**Dataset content**

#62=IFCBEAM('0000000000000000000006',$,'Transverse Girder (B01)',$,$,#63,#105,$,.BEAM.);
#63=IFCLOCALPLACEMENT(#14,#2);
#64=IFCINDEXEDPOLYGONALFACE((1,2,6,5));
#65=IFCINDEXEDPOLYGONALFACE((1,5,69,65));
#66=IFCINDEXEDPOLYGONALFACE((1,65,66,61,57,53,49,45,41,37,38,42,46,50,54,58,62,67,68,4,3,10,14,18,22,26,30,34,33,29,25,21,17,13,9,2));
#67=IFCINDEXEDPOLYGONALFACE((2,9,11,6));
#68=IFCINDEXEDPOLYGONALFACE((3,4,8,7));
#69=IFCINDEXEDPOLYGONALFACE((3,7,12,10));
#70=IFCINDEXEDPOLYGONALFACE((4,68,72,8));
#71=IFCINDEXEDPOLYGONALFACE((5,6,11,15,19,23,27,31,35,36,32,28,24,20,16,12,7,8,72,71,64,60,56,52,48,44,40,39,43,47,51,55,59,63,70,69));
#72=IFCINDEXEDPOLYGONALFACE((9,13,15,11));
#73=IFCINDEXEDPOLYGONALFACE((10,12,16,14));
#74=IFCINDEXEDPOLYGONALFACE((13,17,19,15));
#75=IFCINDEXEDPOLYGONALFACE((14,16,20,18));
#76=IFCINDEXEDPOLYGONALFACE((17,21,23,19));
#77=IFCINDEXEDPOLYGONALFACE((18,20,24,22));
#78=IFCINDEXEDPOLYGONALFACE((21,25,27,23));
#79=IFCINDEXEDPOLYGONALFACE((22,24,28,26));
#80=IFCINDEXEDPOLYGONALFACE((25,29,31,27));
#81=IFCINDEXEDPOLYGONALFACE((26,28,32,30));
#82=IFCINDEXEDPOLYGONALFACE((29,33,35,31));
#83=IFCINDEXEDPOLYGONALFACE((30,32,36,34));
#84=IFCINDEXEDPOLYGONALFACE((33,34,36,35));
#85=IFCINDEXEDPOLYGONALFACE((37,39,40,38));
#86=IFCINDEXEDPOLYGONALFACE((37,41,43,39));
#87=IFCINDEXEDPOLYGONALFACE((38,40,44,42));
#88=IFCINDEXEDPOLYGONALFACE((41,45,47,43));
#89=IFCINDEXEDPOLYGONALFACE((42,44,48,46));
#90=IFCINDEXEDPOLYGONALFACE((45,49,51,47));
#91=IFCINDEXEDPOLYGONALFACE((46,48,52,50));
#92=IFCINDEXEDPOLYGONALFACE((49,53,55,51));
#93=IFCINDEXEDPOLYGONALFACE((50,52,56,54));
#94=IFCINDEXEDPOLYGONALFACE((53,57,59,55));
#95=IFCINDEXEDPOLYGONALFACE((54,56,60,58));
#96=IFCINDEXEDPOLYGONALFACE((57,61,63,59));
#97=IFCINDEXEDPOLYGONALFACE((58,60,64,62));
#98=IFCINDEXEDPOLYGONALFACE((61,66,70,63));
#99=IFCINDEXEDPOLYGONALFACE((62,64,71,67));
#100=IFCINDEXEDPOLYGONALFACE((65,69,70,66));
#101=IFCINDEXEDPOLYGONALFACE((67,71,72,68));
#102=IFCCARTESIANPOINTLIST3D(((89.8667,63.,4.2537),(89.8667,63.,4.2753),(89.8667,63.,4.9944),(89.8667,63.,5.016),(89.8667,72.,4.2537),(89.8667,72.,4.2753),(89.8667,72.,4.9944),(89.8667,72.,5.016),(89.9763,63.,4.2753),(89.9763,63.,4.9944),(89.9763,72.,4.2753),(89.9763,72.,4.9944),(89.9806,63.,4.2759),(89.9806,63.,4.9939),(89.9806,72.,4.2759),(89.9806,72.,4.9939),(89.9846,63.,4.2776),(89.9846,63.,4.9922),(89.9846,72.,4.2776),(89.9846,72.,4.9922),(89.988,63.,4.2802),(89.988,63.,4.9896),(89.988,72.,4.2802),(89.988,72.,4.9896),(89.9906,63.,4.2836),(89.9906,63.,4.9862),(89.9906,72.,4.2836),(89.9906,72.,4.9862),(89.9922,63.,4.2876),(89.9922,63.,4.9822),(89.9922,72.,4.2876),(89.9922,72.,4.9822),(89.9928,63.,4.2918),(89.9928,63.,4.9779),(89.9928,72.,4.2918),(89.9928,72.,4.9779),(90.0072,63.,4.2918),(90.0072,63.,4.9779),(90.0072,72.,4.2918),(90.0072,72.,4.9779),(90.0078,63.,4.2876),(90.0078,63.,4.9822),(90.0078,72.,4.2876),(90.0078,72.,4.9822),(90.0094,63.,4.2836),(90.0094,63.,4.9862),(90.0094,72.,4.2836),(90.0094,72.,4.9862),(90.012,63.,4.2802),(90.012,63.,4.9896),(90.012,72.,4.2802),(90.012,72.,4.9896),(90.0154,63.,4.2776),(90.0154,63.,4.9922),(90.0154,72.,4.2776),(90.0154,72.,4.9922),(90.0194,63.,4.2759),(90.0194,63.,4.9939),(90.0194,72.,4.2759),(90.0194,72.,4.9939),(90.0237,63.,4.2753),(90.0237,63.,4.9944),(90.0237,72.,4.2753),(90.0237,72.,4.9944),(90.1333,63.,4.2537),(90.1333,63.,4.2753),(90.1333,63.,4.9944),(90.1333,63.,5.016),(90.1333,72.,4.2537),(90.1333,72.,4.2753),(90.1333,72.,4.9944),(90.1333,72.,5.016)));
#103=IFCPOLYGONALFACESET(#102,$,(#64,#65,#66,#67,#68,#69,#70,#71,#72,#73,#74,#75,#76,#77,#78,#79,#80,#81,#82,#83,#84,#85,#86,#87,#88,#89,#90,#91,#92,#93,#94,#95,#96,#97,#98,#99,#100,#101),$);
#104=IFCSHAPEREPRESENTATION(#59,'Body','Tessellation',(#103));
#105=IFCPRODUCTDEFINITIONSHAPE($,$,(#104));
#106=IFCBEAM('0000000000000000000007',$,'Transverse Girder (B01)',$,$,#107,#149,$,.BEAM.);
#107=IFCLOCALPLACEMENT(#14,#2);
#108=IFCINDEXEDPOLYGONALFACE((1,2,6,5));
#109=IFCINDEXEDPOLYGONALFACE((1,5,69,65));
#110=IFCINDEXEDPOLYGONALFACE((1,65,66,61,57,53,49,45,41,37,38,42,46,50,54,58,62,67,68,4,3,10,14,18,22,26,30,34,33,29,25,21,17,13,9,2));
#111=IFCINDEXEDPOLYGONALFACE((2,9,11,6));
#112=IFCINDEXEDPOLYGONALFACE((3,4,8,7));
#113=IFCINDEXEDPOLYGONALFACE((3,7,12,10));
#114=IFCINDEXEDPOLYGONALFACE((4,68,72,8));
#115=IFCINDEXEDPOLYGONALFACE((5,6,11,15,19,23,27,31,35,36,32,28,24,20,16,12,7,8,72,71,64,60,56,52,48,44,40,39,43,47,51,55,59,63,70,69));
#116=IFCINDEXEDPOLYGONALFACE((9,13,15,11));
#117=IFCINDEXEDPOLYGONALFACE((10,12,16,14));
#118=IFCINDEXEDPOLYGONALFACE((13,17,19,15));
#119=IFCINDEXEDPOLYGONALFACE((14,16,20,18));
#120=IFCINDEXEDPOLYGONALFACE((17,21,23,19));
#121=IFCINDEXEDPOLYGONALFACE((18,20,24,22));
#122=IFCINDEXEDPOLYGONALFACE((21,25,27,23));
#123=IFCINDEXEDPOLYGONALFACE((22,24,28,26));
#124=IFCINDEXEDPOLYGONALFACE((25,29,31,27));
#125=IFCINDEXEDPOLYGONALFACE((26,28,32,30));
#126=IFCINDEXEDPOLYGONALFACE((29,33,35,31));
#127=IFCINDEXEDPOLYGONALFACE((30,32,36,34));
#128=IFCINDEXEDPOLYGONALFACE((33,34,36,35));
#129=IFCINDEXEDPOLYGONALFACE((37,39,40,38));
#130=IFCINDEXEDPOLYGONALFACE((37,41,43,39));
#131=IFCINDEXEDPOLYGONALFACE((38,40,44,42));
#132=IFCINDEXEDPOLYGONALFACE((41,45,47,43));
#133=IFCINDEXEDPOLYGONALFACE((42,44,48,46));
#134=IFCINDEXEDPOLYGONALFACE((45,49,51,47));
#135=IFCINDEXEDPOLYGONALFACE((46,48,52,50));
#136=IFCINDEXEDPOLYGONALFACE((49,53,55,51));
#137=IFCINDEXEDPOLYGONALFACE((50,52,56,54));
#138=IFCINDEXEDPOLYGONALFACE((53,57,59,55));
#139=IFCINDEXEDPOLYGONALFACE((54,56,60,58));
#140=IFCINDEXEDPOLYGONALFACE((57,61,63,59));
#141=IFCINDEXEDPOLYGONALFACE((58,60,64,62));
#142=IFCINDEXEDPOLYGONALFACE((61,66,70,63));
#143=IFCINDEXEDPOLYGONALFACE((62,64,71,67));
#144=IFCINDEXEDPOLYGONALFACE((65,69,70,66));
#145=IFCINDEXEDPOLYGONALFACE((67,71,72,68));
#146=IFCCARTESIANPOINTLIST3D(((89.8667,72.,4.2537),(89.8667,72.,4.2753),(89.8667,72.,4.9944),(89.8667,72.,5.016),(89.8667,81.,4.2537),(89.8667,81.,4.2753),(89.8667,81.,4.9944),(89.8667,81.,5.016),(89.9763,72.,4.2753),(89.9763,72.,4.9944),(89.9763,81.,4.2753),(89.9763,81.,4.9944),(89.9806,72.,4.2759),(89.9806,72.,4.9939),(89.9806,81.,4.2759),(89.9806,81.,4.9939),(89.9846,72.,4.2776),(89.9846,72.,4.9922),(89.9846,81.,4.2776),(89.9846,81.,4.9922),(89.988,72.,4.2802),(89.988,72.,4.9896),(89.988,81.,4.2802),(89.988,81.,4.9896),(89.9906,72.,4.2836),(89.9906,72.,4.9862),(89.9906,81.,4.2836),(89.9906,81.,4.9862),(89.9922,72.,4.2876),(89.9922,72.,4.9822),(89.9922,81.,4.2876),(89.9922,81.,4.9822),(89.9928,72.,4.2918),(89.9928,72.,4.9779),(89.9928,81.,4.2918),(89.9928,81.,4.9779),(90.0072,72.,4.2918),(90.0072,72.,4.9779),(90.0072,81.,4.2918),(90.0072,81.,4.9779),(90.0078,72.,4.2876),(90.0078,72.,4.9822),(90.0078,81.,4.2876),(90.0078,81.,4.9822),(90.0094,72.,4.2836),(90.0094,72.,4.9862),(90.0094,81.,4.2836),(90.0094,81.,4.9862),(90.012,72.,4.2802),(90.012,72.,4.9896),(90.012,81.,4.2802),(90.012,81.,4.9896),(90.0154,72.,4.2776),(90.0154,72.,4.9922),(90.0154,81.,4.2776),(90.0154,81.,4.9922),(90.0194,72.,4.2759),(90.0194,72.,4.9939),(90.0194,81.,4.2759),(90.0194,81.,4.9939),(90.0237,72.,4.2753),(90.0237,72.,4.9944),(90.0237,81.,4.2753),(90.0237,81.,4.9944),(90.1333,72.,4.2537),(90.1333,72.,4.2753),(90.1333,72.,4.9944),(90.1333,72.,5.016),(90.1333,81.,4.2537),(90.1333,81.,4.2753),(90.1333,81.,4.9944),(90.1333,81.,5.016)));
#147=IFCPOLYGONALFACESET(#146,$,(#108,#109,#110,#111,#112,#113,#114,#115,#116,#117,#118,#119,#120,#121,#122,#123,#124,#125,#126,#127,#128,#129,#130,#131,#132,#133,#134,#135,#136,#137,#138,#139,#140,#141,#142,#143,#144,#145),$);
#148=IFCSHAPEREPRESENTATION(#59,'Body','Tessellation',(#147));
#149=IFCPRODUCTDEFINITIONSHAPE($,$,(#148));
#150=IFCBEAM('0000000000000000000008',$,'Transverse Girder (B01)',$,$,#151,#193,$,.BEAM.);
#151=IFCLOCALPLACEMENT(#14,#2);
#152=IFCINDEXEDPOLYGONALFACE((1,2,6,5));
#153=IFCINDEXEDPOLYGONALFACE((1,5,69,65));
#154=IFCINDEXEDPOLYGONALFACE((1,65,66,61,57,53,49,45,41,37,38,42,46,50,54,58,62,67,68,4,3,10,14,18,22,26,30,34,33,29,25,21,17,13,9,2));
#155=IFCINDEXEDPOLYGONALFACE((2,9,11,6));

**Problem statement**
Start from the line that holds "#152=IFCINDEXEDPOLYGONALFACE((1,2,6,5));" and print each line to the end of the records exactly, leaving out everything before it.

**Written response**
#152=IFCINDEXEDPOLYGONALFACE((1,2,6,5));
#153=IFCINDEXEDPOLYGONALFACE((1,5,69,65));
#154=IFCINDEXEDPOLYGONALFACE((1,65,66,61,57,53,49,45,41,37,38,42,46,50,54,58,62,67,68,4,3,10,14,18,22,26,30,34,33,29,25,21,17,13,9,2));
#155=IFCINDEXEDPOLYGONALFACE((2,9,11,6));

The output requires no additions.